**Exercise material:**
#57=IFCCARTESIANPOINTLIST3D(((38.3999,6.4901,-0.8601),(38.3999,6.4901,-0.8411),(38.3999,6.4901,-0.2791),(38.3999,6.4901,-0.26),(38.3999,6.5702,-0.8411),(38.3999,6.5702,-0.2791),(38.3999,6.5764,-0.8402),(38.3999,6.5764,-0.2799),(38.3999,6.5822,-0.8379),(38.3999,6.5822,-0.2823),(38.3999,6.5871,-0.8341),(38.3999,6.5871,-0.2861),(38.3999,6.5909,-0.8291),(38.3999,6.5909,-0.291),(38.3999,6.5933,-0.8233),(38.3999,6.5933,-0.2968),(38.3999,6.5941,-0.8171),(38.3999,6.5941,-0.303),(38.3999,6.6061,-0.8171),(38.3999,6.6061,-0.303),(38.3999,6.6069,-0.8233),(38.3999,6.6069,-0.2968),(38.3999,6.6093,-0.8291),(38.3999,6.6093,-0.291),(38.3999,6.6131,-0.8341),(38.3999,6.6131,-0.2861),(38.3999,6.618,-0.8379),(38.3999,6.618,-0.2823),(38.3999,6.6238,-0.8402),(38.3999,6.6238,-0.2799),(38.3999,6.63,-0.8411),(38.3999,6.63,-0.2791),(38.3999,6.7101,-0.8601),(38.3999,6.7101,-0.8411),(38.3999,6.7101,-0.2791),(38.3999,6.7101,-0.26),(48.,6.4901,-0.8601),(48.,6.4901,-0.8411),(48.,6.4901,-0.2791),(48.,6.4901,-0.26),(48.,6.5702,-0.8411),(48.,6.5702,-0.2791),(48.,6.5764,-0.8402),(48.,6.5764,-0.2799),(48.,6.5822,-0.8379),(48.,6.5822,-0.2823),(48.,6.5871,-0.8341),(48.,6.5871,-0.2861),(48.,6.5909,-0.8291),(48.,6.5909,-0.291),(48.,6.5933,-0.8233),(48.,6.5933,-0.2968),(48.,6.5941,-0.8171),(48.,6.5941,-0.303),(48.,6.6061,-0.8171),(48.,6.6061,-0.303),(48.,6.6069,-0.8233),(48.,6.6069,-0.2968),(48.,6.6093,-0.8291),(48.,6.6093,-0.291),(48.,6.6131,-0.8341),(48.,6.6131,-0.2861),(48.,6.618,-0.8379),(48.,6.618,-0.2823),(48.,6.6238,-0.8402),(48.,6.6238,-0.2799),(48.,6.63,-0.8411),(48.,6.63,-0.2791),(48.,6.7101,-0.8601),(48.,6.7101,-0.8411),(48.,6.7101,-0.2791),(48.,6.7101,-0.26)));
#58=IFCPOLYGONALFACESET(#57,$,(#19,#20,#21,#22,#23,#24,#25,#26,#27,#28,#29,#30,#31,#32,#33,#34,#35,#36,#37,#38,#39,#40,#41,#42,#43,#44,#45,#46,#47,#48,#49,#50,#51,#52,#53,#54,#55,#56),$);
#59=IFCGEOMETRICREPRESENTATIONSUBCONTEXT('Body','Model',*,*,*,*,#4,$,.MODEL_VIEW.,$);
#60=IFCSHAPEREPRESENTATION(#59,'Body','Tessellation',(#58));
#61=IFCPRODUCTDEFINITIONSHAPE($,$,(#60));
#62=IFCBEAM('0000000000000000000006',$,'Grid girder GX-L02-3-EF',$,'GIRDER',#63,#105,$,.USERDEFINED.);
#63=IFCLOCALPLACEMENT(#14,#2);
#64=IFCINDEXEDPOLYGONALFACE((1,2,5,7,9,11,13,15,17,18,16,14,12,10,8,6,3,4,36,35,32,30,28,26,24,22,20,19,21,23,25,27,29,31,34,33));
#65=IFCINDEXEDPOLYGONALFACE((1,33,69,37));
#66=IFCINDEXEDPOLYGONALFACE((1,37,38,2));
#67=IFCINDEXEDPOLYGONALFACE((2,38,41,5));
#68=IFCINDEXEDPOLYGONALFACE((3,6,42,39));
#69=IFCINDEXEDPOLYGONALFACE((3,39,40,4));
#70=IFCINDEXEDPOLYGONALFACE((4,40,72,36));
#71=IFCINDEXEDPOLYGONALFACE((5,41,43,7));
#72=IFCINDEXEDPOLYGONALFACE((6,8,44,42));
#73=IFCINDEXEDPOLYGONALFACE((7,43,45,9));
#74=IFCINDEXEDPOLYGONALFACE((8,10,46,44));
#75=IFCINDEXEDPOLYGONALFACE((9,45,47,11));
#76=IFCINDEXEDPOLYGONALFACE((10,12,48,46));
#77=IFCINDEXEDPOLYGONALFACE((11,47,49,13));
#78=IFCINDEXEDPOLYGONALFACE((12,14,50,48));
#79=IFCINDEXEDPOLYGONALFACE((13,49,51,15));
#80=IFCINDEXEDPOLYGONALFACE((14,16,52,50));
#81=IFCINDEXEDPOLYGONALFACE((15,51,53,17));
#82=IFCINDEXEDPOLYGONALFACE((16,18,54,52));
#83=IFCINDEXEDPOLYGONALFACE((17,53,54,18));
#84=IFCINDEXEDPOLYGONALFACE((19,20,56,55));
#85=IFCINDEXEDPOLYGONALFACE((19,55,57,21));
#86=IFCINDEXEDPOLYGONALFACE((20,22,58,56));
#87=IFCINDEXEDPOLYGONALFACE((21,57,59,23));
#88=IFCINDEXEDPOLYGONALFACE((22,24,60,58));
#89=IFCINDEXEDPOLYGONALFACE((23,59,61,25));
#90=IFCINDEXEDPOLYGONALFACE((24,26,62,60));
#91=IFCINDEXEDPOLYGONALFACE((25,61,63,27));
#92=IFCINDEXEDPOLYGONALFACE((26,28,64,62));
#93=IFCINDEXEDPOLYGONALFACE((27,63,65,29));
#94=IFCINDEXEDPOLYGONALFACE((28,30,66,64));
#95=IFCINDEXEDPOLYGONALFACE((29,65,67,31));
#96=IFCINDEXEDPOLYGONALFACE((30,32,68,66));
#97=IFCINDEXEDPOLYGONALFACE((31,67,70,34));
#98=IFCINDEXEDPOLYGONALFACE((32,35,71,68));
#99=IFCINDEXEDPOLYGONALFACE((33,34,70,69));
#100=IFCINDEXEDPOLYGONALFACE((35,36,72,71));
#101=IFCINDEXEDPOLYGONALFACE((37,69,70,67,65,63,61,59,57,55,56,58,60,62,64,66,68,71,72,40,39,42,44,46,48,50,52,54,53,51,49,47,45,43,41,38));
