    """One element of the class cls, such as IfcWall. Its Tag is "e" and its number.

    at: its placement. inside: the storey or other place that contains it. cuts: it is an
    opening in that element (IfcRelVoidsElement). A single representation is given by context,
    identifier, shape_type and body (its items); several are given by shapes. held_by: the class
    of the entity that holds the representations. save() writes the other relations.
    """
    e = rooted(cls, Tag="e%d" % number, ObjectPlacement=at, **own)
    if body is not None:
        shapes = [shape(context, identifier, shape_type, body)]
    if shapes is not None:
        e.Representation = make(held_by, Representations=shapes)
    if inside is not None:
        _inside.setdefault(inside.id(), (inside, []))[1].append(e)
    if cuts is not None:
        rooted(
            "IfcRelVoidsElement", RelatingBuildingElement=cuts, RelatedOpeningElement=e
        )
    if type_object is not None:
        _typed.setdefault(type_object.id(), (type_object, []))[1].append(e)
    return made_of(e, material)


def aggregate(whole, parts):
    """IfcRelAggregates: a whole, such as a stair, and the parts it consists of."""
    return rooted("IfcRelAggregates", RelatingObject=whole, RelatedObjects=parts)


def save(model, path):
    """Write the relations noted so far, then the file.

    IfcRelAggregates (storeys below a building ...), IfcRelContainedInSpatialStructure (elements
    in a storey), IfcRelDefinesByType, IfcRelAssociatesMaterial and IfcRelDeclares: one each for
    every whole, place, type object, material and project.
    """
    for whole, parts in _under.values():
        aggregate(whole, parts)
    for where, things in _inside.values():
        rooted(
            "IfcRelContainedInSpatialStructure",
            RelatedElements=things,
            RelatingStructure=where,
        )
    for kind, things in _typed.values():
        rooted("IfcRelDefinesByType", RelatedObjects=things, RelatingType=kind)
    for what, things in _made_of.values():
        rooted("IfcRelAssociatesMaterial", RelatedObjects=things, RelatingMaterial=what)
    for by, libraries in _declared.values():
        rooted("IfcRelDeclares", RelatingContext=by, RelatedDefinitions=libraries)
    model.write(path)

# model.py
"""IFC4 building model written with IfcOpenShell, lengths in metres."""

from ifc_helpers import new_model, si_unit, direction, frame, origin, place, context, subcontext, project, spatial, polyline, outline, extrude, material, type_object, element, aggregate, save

**Exercise goal:**
Up to and including the line that holds "#61=IFCPRODUCTDEFINITIONSHAPE($,$,(#60));", reproduce the records above exactly from their first line, and give nothing else.

**Response to the task:**
#57=IFCCARTESIANPOINTLIST3D(((38.3999,6.4901,-0.8601),(38.3999,6.4901,-0.8411),(38.3999,6.4901,-0.2791),(38.3999,6.4901,-0.26),(38.3999,6.5702,-0.8411),(38.3999,6.5702,-0.2791),(38.3999,6.5764,-0.8402),(38.3999,6.5764,-0.2799),(38.3999,6.5822,-0.8379),(38.3999,6.5822,-0.2823),(38.3999,6.5871,-0.8341),(38.3999,6.5871,-0.2861),(38.3999,6.5909,-0.8291),(38.3999,6.5909,-0.291),(38.3999,6.5933,-0.8233),(38.3999,6.5933,-0.2968),(38.3999,6.5941,-0.8171),(38.3999,6.5941,-0.303),(38.3999,6.6061,-0.8171),(38.3999,6.6061,-0.303),(38.3999,6.6069,-0.8233),(38.3999,6.6069,-0.2968),(38.3999,6.6093,-0.8291),(38.3999,6.6093,-0.291),(38.3999,6.6131,-0.8341),(38.3999,6.6131,-0.2861),(38.3999,6.618,-0.8379),(38.3999,6.618,-0.2823),(38.3999,6.6238,-0.8402),(38.3999,6.6238,-0.2799),(38.3999,6.63,-0.8411),(38.3999,6.63,-0.2791),(38.3999,6.7101,-0.8601),(38.3999,6.7101,-0.8411),(38.3999,6.7101,-0.2791),(38.3999,6.7101,-0.26),(48.,6.4901,-0.8601),(48.,6.4901,-0.8411),(48.,6.4901,-0.2791),(48.,6.4901,-0.26),(48.,6.5702,-0.8411),(48.,6.5702,-0.2791),(48.,6.5764,-0.8402),(48.,6.5764,-0.2799),(48.,6.5822,-0.8379),(48.,6.5822,-0.2823),(48.,6.5871,-0.8341),(48.,6.5871,-0.2861),(48.,6.5909,-0.8291),(48.,6.5909,-0.291),(48.,6.5933,-0.8233),(48.,6.5933,-0.2968),(48.,6.5941,-0.8171),(48.,6.5941,-0.303),(48.,6.6061,-0.8171),(48.,6.6061,-0.303),(48.,6.6069,-0.8233),(48.,6.6069,-0.2968),(48.,6.6093,-0.8291),(48.,6.6093,-0.291),(48.,6.6131,-0.8341),(48.,6.6131,-0.2861),(48.,6.618,-0.8379),(48.,6.618,-0.2823),(48.,6.6238,-0.8402),(48.,6.6238,-0.2799),(48.,6.63,-0.8411),(48.,6.63,-0.2791),(48.,6.7101,-0.8601),(48.,6.7101,-0.8411),(48.,6.7101,-0.2791),(48.,6.7101,-0.26)));
#58=IFCPOLYGONALFACESET(#57,$,(#19,#20,#21,#22,#23,#24,#25,#26,#27,#28,#29,#30,#31,#32,#33,#34,#35,#36,#37,#38,#39,#40,#41,#42,#43,#44,#45,#46,#47,#48,#49,#50,#51,#52,#53,#54,#55,#56),$);
#59=IFCGEOMETRICREPRESENTATIONSUBCONTEXT('Body','Model',*,*,*,*,#4,$,.MODEL_VIEW.,$);
#60=IFCSHAPEREPRESENTATION(#59,'Body','Tessellation',(#58));
#61=IFCPRODUCTDEFINITIONSHAPE($,$,(#60));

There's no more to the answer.